(Stored items)
· · ·
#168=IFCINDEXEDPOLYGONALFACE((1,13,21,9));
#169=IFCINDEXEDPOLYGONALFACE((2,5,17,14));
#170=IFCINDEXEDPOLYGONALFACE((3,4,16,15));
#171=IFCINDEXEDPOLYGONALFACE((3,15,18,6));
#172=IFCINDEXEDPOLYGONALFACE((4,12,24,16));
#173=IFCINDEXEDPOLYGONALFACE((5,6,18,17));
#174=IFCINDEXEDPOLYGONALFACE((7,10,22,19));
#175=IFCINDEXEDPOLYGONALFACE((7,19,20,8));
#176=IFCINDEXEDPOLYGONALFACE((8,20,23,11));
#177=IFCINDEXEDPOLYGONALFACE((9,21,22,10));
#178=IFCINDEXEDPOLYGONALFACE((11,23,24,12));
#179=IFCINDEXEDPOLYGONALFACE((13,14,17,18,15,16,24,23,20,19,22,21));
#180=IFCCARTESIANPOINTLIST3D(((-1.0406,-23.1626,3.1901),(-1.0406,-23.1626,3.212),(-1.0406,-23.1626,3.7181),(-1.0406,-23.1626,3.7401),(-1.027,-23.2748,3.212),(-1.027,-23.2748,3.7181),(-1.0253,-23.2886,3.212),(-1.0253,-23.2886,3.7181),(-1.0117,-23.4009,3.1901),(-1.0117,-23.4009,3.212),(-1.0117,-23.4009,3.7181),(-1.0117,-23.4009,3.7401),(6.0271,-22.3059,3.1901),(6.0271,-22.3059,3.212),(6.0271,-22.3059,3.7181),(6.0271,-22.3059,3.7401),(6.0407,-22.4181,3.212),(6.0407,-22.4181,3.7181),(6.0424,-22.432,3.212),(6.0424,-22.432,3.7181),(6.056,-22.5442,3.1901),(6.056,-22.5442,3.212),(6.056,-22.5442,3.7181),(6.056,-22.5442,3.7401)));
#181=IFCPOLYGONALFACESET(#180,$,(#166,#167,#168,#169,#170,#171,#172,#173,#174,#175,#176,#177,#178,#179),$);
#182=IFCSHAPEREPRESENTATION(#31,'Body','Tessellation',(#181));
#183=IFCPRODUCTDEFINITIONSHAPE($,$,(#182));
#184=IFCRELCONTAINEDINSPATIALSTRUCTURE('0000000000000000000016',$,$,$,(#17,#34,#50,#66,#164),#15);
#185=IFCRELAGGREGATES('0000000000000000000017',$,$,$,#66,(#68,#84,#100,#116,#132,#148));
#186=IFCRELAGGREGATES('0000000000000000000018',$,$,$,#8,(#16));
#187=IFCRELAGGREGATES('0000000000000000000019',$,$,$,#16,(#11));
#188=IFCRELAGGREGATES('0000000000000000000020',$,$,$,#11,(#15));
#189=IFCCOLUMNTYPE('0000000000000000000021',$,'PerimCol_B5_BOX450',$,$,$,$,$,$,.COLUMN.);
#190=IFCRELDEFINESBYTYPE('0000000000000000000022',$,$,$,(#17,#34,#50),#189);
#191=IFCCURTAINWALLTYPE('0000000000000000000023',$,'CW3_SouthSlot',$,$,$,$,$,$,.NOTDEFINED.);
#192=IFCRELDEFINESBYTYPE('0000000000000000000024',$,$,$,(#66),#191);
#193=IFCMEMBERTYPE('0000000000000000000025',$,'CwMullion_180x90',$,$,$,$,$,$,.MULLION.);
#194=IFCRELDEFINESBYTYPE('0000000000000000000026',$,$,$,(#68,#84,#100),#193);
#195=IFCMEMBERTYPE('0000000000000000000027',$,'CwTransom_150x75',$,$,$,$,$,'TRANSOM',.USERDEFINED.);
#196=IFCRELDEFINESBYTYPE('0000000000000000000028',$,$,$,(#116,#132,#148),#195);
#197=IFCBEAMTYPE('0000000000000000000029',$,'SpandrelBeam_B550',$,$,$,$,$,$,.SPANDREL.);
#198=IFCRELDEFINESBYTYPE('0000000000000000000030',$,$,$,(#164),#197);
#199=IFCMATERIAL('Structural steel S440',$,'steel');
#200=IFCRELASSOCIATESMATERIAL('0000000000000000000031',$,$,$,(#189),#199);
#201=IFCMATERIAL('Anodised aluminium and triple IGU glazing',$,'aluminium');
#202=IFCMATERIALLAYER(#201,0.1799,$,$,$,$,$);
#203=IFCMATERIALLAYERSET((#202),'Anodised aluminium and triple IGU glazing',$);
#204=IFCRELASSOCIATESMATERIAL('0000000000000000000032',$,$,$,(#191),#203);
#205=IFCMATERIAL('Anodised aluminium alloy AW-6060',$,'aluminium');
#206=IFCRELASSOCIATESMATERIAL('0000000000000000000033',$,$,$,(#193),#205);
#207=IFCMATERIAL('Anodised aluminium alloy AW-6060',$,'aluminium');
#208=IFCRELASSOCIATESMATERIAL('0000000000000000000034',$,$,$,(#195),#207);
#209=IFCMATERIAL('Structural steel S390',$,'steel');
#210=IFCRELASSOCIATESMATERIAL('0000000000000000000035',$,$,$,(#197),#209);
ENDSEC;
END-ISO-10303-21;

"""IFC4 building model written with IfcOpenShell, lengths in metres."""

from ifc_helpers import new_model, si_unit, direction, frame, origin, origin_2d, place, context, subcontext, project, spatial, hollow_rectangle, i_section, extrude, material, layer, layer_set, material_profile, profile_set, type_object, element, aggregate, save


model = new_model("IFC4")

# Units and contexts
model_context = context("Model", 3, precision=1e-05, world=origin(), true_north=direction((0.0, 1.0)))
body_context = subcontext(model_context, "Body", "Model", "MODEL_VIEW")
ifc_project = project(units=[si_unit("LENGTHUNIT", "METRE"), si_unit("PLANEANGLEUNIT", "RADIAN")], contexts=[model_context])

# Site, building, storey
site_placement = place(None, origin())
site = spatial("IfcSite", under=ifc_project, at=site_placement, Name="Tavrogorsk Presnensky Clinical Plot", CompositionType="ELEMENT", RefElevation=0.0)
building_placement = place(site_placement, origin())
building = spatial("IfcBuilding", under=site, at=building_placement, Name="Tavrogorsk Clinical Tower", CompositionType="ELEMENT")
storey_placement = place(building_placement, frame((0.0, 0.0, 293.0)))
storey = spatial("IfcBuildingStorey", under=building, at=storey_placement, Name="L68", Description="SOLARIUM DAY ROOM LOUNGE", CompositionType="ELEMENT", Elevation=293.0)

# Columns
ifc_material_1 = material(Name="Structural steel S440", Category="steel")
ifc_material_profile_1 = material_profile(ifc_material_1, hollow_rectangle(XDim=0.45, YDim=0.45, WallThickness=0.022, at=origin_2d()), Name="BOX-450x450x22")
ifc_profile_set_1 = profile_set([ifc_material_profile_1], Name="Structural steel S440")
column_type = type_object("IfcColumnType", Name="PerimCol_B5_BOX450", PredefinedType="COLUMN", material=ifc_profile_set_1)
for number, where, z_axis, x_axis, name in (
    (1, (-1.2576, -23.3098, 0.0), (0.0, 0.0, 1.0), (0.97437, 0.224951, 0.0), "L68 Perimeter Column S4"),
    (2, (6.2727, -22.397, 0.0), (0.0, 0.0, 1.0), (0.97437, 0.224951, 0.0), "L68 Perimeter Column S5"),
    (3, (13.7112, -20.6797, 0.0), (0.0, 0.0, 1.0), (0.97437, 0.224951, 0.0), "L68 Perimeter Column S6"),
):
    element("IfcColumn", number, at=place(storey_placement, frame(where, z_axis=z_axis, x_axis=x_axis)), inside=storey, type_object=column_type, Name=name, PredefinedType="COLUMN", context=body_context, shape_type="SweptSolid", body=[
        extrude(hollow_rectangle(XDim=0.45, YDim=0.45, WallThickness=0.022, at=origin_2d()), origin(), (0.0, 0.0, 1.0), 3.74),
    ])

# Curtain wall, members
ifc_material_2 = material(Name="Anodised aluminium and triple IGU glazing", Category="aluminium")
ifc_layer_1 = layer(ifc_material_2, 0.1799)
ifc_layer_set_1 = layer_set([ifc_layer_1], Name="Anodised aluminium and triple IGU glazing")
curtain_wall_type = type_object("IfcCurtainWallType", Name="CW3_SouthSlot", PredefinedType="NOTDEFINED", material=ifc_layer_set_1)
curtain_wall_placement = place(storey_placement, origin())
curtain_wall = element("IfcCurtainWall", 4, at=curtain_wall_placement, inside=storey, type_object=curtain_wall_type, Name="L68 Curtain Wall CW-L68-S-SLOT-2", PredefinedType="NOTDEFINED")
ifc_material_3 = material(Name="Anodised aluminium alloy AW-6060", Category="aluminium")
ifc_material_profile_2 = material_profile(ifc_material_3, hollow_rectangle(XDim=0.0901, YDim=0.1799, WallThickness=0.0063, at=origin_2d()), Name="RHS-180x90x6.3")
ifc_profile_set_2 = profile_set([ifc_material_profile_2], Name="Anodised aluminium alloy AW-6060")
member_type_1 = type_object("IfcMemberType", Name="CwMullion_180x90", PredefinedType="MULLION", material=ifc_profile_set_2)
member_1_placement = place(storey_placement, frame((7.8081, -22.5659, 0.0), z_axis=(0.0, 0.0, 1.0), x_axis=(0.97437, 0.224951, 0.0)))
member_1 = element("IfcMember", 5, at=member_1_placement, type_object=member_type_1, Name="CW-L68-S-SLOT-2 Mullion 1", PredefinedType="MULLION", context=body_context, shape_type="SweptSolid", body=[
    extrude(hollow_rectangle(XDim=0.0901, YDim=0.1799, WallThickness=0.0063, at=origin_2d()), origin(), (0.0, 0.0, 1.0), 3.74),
· · ·
▸ YOUR GOAL
Only a number is wanted here: how many lines of the records above contain "inside".

▸ RESULT OF THE TASK
2